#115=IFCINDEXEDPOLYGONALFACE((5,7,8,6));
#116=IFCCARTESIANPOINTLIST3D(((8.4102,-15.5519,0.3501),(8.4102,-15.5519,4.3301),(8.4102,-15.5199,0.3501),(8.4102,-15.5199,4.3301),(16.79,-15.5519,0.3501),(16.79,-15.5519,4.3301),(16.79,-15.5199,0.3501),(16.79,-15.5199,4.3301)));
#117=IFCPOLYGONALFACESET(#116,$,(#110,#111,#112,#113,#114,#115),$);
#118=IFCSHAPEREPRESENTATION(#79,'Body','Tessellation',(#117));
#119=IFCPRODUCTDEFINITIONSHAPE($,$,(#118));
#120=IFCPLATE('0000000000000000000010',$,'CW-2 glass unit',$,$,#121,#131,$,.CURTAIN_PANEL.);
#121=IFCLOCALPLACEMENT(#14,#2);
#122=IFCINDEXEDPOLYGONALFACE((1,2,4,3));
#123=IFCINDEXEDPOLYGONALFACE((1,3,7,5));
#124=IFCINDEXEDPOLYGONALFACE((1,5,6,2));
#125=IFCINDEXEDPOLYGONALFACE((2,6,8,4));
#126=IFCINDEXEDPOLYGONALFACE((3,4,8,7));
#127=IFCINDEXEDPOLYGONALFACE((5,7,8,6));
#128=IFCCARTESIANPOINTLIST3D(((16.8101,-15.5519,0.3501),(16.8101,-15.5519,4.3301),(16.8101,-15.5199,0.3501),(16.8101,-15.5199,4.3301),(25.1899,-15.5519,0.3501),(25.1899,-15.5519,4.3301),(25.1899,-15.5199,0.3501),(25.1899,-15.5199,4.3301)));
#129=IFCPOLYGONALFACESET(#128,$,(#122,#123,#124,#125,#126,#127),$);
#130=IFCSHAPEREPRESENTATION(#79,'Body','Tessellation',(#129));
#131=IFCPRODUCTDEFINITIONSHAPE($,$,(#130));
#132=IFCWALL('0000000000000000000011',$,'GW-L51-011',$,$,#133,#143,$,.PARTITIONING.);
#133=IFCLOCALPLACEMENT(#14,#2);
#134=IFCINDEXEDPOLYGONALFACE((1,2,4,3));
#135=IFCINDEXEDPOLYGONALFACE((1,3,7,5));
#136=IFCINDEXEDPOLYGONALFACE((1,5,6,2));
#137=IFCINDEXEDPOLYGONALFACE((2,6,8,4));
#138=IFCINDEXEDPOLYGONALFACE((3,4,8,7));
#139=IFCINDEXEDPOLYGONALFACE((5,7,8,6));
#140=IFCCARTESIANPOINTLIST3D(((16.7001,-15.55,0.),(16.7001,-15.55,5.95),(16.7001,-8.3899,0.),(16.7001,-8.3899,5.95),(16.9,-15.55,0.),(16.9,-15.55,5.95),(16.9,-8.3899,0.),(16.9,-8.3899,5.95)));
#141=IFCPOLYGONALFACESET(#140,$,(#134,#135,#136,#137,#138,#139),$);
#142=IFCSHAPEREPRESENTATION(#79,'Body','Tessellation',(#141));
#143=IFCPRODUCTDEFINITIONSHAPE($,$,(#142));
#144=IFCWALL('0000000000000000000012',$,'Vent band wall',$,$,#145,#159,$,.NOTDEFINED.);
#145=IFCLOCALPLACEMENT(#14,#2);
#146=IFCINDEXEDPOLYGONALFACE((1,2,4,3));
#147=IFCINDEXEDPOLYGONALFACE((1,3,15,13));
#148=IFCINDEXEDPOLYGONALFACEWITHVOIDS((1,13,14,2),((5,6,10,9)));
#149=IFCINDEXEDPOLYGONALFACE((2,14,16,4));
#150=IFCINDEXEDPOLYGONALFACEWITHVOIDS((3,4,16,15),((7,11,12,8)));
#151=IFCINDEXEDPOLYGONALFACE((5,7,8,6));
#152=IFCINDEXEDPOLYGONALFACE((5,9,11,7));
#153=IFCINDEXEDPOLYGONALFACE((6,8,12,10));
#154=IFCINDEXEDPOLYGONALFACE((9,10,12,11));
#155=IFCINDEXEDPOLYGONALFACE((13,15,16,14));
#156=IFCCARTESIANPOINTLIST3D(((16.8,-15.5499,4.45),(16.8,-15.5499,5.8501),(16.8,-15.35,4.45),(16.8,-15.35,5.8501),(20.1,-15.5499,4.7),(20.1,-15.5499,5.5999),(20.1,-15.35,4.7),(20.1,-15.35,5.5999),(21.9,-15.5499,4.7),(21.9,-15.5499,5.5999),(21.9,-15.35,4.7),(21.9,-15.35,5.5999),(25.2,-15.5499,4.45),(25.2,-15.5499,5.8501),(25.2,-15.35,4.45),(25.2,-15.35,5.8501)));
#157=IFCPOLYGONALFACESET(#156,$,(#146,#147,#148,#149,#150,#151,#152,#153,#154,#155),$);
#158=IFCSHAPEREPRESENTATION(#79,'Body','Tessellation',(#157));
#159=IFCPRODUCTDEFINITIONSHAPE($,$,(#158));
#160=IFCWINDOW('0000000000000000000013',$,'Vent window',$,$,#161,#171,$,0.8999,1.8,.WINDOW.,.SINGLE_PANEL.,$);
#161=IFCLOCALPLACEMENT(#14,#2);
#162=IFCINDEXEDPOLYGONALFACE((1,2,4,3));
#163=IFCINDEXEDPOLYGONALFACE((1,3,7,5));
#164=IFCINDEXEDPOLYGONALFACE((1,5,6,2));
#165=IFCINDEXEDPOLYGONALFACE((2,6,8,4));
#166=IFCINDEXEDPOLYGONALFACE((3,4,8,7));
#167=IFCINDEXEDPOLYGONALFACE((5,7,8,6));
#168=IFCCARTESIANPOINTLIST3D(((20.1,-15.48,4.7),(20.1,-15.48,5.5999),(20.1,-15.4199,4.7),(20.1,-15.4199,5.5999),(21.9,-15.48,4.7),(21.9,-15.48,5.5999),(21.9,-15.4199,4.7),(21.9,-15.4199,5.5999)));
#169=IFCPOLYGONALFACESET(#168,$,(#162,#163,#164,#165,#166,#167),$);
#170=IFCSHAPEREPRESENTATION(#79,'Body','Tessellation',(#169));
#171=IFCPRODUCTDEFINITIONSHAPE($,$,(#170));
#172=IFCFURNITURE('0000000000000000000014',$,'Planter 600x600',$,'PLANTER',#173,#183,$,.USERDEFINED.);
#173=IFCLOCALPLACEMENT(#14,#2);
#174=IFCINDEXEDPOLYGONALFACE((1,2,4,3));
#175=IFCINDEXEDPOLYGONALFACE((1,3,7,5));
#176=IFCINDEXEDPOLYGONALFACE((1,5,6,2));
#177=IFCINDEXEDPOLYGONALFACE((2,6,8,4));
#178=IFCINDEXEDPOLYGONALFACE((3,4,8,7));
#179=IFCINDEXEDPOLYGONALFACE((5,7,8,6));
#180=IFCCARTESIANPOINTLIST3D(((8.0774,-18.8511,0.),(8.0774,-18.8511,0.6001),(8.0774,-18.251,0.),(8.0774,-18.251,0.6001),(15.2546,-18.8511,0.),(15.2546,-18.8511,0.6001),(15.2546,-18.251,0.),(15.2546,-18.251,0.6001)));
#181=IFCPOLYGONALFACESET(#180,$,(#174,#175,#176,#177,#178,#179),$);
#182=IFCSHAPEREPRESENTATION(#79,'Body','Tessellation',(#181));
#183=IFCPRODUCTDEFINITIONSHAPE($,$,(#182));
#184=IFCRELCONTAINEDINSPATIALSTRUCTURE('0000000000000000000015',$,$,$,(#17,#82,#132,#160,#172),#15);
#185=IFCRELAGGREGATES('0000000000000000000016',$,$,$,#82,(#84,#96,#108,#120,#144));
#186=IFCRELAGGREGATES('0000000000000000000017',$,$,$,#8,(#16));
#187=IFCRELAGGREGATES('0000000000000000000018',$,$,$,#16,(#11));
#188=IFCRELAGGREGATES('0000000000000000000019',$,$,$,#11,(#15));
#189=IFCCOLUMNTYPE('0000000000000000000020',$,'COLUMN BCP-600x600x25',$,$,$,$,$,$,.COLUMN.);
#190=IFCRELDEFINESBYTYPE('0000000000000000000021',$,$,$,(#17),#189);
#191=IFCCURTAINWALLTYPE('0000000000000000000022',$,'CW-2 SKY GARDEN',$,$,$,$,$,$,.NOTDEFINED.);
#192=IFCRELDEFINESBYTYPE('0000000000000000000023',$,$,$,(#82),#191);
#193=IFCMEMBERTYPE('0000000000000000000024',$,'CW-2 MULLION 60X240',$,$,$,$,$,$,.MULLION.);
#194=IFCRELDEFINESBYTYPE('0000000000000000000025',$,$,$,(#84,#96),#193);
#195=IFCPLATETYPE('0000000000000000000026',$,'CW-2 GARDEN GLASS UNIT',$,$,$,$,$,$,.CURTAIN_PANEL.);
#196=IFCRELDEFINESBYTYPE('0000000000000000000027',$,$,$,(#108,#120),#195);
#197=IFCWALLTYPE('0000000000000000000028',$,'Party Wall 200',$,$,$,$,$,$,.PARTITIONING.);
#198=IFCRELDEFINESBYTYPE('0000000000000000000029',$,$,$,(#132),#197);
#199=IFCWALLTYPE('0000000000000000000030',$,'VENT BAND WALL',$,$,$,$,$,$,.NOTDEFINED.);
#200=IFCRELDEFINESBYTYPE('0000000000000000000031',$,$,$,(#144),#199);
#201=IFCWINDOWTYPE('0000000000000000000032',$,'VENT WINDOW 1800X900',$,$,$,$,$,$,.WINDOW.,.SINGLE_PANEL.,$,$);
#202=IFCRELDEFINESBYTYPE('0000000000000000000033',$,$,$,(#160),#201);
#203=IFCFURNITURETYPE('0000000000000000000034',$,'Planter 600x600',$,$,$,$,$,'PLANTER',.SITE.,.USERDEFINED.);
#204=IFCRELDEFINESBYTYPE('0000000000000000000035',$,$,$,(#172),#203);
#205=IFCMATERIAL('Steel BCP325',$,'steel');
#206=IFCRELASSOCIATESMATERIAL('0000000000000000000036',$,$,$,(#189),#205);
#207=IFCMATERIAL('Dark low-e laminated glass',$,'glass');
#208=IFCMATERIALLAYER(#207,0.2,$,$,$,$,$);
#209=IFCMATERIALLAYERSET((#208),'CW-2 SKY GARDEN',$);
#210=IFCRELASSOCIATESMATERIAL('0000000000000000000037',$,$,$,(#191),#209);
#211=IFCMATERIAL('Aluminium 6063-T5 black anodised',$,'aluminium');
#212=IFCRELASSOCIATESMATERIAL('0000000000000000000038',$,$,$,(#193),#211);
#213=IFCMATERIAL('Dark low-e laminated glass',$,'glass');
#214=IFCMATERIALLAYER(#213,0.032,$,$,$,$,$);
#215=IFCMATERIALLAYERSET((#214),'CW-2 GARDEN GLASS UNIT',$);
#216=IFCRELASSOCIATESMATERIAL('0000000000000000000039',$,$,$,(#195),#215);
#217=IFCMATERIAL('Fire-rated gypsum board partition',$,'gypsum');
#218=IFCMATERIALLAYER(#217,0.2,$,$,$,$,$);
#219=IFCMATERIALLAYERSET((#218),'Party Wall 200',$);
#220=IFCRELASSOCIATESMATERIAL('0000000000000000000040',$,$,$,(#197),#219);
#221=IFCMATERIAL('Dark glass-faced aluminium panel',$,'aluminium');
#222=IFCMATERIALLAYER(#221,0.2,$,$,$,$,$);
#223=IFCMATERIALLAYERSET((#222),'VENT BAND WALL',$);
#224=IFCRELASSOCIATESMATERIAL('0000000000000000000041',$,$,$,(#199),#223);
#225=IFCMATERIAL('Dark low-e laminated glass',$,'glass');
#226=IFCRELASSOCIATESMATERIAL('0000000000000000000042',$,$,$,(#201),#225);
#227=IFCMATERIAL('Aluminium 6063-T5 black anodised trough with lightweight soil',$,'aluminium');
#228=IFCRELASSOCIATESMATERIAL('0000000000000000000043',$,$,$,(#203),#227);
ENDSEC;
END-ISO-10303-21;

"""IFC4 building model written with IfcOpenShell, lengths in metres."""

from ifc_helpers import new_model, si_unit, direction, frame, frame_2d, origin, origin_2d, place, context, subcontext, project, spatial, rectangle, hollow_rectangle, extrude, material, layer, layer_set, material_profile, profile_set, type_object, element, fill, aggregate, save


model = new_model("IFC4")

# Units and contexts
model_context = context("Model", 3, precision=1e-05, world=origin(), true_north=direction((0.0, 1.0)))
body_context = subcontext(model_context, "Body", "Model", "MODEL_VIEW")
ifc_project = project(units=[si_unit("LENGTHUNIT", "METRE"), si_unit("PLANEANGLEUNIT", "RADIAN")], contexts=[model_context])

(YOUR GOAL):
Which lines above run from the one containing "#159=IFCPRODUCTDEFINITIONSHAPE($,$,(#158));" to the one containing "#186=IFCRELAGGREGATES('0000000000000000000017',$,$,$,#8,(#16));"? Give them again exactly, both ends included.

(EXPECTED OUTPUT):
#159=IFCPRODUCTDEFINITIONSHAPE($,$,(#158));
#160=IFCWINDOW('0000000000000000000013',$,'Vent window',$,$,#161,#171,$,0.8999,1.8,.WINDOW.,.SINGLE_PANEL.,$);
#161=IFCLOCALPLACEMENT(#14,#2);
#162=IFCINDEXEDPOLYGONALFACE((1,2,4,3));
#163=IFCINDEXEDPOLYGONALFACE((1,3,7,5));
#164=IFCINDEXEDPOLYGONALFACE((1,5,6,2));
#165=IFCINDEXEDPOLYGONALFACE((2,6,8,4));
#166=IFCINDEXEDPOLYGONALFACE((3,4,8,7));
#167=IFCINDEXEDPOLYGONALFACE((5,7,8,6));
#168=IFCCARTESIANPOINTLIST3D(((20.1,-15.48,4.7),(20.1,-15.48,5.5999),(20.1,-15.4199,4.7),(20.1,-15.4199,5.5999),(21.9,-15.48,4.7),(21.9,-15.48,5.5999),(21.9,-15.4199,4.7),(21.9,-15.4199,5.5999)));
#169=IFCPOLYGONALFACESET(#168,$,(#162,#163,#164,#165,#166,#167),$);
#170=IFCSHAPEREPRESENTATION(#79,'Body','Tessellation',(#169));
#171=IFCPRODUCTDEFINITIONSHAPE($,$,(#170));
#172=IFCFURNITURE('0000000000000000000014',$,'Planter 600x600',$,'PLANTER',#173,#183,$,.USERDEFINED.);
#173=IFCLOCALPLACEMENT(#14,#2);
#174=IFCINDEXEDPOLYGONALFACE((1,2,4,3));
#175=IFCINDEXEDPOLYGONALFACE((1,3,7,5));
#176=IFCINDEXEDPOLYGONALFACE((1,5,6,2));
#177=IFCINDEXEDPOLYGONALFACE((2,6,8,4));
#178=IFCINDEXEDPOLYGONALFACE((3,4,8,7));
#179=IFCINDEXEDPOLYGONALFACE((5,7,8,6));
#180=IFCCARTESIANPOINTLIST3D(((8.0774,-18.8511,0.),(8.0774,-18.8511,0.6001),(8.0774,-18.251,0.),(8.0774,-18.251,0.6001),(15.2546,-18.8511,0.),(15.2546,-18.8511,0.6001),(15.2546,-18.251,0.),(15.2546,-18.251,0.6001)));
#181=IFCPOLYGONALFACESET(#180,$,(#174,#175,#176,#177,#178,#179),$);
#182=IFCSHAPEREPRESENTATION(#79,'Body','Tessellation',(#181));
#183=IFCPRODUCTDEFINITIONSHAPE($,$,(#182));
#184=IFCRELCONTAINEDINSPATIALSTRUCTURE('0000000000000000000015',$,$,$,(#17,#82,#132,#160,#172),#15);
#185=IFCRELAGGREGATES('0000000000000000000016',$,$,$,#82,(#84,#96,#108,#120,#144));
#186=IFCRELAGGREGATES('0000000000000000000017',$,$,$,#8,(#16));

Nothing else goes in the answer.